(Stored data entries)
⁂

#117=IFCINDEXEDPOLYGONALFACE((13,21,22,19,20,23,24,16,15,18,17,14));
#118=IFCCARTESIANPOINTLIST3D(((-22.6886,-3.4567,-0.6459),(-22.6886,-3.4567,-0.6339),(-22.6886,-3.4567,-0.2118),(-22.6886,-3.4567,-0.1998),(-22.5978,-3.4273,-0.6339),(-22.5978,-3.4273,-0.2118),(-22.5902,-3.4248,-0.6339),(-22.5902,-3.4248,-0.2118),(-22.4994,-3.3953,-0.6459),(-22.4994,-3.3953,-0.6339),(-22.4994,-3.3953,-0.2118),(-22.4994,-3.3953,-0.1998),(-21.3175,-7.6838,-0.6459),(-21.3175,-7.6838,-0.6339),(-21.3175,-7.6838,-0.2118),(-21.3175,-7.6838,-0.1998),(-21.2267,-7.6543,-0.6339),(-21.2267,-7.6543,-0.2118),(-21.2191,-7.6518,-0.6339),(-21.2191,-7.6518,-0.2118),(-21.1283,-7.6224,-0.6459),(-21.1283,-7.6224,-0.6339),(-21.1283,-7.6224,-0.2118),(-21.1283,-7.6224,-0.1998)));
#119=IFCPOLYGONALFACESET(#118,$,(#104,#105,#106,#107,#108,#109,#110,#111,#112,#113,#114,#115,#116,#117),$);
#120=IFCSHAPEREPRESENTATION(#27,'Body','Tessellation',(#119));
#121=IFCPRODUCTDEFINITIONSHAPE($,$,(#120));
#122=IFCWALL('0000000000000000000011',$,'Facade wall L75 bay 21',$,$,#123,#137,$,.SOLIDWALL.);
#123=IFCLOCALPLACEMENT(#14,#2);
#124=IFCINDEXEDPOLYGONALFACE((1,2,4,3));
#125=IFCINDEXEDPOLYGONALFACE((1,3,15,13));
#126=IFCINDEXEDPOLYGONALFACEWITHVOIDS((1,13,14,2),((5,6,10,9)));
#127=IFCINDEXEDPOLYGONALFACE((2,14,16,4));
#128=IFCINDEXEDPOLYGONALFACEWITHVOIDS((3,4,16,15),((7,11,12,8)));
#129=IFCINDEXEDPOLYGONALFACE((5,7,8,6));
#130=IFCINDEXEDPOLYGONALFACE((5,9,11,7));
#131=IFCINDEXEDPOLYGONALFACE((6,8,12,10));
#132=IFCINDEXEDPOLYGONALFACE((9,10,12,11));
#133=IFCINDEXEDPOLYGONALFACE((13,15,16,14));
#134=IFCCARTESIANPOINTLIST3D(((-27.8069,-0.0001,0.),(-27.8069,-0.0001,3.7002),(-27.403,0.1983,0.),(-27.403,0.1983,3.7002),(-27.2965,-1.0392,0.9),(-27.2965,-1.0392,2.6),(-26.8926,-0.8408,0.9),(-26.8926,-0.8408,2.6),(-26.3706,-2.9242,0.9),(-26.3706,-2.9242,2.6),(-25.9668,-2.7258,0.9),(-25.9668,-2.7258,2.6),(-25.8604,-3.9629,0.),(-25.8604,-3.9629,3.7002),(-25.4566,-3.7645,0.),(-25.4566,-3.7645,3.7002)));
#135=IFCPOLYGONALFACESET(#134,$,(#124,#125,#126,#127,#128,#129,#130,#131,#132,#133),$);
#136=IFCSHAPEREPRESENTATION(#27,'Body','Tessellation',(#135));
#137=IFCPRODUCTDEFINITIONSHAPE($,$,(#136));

⁂

Action item: Return every line of the data above in which "IFCINDEXEDPOLYGONALFACEWITHVOIDS" appears.

Task result:
#126=IFCINDEXEDPOLYGONALFACEWITHVOIDS((1,13,14,2),((5,6,10,9)));
#128=IFCINDEXEDPOLYGONALFACEWITHVOIDS((3,4,16,15),((7,11,12,8)));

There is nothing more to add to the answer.